* WORK ITEM
What lines in the listing below hold the string "contexts"? Please copy them out.

* INPUT FOR THIS TASK
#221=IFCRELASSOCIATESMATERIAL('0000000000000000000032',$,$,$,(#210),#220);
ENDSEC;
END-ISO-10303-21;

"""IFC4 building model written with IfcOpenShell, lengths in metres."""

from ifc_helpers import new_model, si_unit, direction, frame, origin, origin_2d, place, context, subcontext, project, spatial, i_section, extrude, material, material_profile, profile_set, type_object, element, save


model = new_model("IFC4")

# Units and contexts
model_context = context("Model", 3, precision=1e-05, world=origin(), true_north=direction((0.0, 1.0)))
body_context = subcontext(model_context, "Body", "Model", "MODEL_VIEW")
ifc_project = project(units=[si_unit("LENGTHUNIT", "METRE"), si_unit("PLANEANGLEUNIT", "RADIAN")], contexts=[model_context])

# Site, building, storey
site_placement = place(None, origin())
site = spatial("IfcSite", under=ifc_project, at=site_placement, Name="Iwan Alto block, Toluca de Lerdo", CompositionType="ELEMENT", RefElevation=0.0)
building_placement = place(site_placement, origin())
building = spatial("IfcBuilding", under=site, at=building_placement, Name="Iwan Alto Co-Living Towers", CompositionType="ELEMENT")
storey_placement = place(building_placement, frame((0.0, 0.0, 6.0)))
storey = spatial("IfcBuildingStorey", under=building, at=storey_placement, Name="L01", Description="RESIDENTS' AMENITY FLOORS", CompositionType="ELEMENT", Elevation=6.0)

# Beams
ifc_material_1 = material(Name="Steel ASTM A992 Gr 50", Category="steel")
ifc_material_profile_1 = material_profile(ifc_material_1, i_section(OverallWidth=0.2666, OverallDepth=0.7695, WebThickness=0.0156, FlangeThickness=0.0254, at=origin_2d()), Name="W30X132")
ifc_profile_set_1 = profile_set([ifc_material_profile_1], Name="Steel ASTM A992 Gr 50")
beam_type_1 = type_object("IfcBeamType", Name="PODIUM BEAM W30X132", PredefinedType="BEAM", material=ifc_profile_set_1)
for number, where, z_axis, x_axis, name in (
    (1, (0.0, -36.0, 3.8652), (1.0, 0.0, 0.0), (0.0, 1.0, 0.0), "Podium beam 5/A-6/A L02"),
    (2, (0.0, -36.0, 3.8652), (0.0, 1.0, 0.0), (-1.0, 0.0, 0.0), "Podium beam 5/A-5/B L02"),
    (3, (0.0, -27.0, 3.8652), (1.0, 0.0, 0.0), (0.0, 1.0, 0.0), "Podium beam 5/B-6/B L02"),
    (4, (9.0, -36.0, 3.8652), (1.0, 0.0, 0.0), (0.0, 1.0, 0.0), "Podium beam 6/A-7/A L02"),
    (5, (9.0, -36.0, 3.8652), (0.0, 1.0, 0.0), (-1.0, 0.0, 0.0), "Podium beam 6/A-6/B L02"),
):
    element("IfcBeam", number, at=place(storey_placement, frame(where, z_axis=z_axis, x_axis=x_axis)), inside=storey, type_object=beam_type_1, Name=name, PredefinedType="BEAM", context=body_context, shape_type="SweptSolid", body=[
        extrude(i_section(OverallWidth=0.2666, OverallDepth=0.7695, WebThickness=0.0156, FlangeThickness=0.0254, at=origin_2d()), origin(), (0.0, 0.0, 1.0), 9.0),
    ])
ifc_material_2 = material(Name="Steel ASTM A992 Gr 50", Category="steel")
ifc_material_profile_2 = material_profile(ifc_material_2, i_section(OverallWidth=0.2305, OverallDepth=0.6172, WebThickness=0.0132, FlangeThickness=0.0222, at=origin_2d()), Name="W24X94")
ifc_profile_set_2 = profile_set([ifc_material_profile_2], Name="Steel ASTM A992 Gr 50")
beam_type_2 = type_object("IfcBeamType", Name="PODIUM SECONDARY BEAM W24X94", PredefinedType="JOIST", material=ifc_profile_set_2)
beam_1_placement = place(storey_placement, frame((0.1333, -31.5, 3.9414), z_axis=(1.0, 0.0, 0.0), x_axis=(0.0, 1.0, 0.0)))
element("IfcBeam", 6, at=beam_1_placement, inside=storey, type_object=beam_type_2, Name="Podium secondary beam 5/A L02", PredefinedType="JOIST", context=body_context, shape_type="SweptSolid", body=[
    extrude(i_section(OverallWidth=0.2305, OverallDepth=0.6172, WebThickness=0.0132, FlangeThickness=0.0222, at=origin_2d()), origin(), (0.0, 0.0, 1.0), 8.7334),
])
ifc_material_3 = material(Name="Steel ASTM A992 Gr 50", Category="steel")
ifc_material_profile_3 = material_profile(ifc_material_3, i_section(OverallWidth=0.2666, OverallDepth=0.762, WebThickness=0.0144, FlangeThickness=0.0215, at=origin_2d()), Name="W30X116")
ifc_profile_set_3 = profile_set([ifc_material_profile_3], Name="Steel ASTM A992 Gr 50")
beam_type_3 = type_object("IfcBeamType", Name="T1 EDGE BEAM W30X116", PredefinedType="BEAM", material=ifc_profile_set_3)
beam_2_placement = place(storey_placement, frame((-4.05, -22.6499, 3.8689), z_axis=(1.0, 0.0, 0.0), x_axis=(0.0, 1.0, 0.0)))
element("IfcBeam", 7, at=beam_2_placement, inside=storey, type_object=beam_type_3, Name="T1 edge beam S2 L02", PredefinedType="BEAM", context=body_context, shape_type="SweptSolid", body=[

* RESULT
# Units and contexts
ifc_project = project(units=[si_unit("LENGTHUNIT", "METRE"), si_unit("PLANEANGLEUNIT", "RADIAN")], contexts=[model_context])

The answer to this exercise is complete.